● **EXERCISE GOAL**
Where the records below reach the line containing "#44=IFCINDEXEDPOLYGONALFACE((63,64,68,70,72,71,69,67));", start transcribing, and end with the line containing "#50=IFCINDEXEDPOLYGONALFACE((81,82,84,83));", exactly and with nothing else added.

== Segment start ==

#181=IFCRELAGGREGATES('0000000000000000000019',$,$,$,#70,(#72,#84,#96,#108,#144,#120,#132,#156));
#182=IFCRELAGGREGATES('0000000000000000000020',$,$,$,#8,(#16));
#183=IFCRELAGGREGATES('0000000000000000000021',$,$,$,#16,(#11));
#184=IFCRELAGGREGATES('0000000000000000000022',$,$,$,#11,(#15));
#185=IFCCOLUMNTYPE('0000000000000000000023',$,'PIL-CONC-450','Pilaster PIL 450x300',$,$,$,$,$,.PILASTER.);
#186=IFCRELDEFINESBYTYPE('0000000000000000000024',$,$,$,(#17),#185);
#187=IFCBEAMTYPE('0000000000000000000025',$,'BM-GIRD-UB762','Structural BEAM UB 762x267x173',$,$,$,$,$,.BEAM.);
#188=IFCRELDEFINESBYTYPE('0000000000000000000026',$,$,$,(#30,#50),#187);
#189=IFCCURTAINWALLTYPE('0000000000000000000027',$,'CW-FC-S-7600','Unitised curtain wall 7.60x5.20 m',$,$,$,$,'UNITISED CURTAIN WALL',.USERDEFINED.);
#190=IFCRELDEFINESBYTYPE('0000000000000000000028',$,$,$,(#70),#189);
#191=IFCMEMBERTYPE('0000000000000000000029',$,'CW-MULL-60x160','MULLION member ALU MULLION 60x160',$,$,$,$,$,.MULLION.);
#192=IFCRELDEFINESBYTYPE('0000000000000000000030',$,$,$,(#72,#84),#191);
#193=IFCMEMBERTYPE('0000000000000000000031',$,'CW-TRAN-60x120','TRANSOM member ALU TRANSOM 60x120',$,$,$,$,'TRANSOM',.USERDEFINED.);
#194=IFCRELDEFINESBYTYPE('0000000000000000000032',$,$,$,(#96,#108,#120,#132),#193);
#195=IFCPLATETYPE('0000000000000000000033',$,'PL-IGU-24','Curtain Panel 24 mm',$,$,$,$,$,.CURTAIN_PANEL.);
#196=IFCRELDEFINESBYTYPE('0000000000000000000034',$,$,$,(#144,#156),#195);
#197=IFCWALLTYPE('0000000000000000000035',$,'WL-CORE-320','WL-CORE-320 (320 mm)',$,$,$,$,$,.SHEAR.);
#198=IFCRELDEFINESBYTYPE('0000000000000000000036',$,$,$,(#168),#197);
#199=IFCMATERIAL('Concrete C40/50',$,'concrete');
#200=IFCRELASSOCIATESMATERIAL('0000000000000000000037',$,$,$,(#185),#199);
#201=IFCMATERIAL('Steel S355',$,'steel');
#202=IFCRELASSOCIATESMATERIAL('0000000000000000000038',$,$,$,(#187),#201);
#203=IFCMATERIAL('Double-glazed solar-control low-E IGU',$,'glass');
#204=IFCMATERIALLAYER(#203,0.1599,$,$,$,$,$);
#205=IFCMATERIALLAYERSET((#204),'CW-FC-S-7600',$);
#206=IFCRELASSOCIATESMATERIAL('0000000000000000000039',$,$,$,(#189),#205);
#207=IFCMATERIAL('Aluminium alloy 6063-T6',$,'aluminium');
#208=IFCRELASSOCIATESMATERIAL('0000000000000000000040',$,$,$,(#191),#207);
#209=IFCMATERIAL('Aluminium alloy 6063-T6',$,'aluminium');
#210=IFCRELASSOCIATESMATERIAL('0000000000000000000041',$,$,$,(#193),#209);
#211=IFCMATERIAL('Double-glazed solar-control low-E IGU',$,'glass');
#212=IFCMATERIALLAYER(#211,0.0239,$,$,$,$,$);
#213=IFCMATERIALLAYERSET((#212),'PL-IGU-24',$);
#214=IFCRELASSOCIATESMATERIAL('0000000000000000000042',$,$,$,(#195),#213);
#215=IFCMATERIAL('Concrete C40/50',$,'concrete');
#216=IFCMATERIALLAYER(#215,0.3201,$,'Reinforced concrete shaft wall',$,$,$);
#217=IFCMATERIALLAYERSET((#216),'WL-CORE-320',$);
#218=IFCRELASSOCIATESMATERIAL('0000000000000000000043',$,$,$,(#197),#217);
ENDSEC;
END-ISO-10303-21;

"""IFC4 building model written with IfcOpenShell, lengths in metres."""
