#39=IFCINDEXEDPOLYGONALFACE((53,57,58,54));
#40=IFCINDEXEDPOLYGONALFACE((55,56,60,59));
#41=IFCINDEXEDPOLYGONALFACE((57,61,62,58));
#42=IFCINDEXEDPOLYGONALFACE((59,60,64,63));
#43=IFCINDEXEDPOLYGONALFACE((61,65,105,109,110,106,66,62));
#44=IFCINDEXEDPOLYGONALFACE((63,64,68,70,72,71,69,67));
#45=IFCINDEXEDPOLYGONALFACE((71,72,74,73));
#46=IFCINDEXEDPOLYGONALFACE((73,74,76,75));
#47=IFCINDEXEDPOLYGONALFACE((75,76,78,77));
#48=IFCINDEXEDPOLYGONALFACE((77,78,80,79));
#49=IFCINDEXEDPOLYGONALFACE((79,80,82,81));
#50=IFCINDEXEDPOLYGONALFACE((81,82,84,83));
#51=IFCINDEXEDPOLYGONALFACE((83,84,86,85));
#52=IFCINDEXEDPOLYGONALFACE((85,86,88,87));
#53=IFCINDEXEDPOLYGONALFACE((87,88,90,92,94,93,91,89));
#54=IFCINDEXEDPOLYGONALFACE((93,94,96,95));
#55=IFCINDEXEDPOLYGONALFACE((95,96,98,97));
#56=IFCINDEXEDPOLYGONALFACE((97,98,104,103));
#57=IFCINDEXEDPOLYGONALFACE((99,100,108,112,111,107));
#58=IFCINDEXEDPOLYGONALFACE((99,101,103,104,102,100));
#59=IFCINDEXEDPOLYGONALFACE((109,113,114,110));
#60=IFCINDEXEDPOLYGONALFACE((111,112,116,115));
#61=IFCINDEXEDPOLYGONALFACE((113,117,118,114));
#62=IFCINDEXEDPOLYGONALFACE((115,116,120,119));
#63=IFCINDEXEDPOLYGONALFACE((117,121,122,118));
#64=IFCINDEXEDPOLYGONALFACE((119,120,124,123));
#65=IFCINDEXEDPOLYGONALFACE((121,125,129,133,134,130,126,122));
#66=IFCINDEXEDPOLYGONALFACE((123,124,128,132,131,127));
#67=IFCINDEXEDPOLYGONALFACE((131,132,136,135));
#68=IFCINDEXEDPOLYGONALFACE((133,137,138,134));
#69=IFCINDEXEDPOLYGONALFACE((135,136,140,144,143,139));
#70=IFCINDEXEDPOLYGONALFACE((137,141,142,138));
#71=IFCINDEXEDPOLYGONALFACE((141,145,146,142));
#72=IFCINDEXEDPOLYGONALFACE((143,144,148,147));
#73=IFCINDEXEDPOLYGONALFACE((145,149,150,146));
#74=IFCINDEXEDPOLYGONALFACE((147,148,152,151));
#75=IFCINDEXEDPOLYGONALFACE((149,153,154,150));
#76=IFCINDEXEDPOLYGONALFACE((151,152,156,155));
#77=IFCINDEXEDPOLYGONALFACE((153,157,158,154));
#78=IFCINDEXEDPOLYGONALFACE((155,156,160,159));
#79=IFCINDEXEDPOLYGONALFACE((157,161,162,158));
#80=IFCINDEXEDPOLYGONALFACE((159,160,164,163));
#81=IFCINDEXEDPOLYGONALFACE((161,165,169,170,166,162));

== Segment end ==

● **SOLUTION FOR THIS EXERCISE**
#44=IFCINDEXEDPOLYGONALFACE((63,64,68,70,72,71,69,67));
#45=IFCINDEXEDPOLYGONALFACE((71,72,74,73));
#46=IFCINDEXEDPOLYGONALFACE((73,74,76,75));
#47=IFCINDEXEDPOLYGONALFACE((75,76,78,77));
#48=IFCINDEXEDPOLYGONALFACE((77,78,80,79));
#49=IFCINDEXEDPOLYGONALFACE((79,80,82,81));
#50=IFCINDEXEDPOLYGONALFACE((81,82,84,83));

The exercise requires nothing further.